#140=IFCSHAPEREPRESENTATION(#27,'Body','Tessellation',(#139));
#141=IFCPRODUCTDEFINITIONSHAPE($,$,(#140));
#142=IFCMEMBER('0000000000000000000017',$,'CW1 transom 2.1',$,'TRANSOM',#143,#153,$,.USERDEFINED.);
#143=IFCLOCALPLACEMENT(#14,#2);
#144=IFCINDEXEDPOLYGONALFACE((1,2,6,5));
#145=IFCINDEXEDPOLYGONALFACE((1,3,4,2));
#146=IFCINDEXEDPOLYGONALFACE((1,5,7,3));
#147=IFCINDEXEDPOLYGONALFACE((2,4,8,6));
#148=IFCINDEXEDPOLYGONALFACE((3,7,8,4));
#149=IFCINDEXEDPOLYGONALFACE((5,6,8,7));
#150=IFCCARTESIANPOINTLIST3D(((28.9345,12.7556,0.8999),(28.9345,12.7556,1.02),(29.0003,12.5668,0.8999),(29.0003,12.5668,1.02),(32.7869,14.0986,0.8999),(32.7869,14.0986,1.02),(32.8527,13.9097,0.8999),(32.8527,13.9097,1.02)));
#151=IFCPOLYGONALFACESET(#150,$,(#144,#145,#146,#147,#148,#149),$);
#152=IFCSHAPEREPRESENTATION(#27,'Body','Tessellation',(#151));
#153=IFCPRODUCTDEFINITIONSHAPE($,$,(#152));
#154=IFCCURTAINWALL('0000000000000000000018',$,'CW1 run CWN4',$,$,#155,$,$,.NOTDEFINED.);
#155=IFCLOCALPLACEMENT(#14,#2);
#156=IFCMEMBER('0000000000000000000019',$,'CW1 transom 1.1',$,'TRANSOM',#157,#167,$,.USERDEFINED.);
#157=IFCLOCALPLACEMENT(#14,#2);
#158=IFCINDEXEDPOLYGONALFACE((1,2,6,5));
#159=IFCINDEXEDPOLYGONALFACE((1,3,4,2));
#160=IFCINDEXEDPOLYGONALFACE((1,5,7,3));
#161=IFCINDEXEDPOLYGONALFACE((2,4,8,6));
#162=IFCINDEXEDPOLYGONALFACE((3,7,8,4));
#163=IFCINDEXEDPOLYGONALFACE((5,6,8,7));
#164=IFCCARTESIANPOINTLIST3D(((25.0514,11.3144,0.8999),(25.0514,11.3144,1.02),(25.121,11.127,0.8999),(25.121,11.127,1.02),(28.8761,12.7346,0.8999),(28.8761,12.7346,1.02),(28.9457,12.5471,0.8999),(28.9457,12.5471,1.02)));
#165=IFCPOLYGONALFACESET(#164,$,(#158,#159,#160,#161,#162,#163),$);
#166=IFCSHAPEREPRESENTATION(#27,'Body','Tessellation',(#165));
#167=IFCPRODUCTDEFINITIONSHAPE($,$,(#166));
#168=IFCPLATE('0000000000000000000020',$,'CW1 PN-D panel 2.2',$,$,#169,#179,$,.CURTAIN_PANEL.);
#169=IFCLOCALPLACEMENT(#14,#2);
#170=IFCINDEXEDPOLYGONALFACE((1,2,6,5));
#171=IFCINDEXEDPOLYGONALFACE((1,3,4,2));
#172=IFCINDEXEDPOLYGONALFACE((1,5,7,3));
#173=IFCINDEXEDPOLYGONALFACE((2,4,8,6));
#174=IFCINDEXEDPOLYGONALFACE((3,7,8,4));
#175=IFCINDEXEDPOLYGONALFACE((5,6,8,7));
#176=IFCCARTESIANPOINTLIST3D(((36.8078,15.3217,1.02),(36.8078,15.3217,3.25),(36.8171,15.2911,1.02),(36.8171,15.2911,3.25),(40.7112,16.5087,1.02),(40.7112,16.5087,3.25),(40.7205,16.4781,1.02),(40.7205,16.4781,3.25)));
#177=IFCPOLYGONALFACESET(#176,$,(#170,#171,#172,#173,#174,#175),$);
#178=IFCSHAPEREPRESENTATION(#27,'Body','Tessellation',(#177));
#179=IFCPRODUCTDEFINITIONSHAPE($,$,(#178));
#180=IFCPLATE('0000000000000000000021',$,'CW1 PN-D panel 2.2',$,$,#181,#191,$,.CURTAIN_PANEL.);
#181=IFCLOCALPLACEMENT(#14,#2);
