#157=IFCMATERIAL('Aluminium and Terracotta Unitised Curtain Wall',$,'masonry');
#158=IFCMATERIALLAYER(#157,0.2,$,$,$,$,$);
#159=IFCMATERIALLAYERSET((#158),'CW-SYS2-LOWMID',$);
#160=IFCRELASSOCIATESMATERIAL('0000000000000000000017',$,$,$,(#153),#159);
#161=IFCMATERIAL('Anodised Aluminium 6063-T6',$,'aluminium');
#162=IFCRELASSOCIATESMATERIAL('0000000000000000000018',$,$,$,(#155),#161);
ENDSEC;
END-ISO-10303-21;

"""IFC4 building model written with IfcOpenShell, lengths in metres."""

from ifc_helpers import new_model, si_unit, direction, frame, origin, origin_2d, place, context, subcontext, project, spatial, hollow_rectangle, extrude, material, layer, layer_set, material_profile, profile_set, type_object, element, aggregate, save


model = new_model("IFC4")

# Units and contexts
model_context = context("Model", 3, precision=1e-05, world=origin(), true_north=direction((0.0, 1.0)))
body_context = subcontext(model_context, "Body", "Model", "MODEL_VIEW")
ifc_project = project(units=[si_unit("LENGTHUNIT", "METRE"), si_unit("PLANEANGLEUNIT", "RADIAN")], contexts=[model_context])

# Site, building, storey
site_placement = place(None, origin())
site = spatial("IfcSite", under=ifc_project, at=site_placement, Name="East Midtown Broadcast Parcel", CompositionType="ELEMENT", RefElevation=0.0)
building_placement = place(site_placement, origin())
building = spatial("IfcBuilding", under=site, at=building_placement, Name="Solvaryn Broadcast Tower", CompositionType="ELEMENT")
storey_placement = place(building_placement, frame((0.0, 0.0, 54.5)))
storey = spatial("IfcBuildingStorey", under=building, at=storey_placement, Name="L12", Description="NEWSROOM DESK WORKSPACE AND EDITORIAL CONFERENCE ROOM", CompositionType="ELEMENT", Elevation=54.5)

How to complete this task: Check each line of the listing above, and copy it if it contains the word "IFCRELASSOCIATESMATERIAL".

Exercise output:
#160=IFCRELASSOCIATESMATERIAL('0000000000000000000017',$,$,$,(#153),#159);
#162=IFCRELASSOCIATESMATERIAL('0000000000000000000018',$,$,$,(#155),#161);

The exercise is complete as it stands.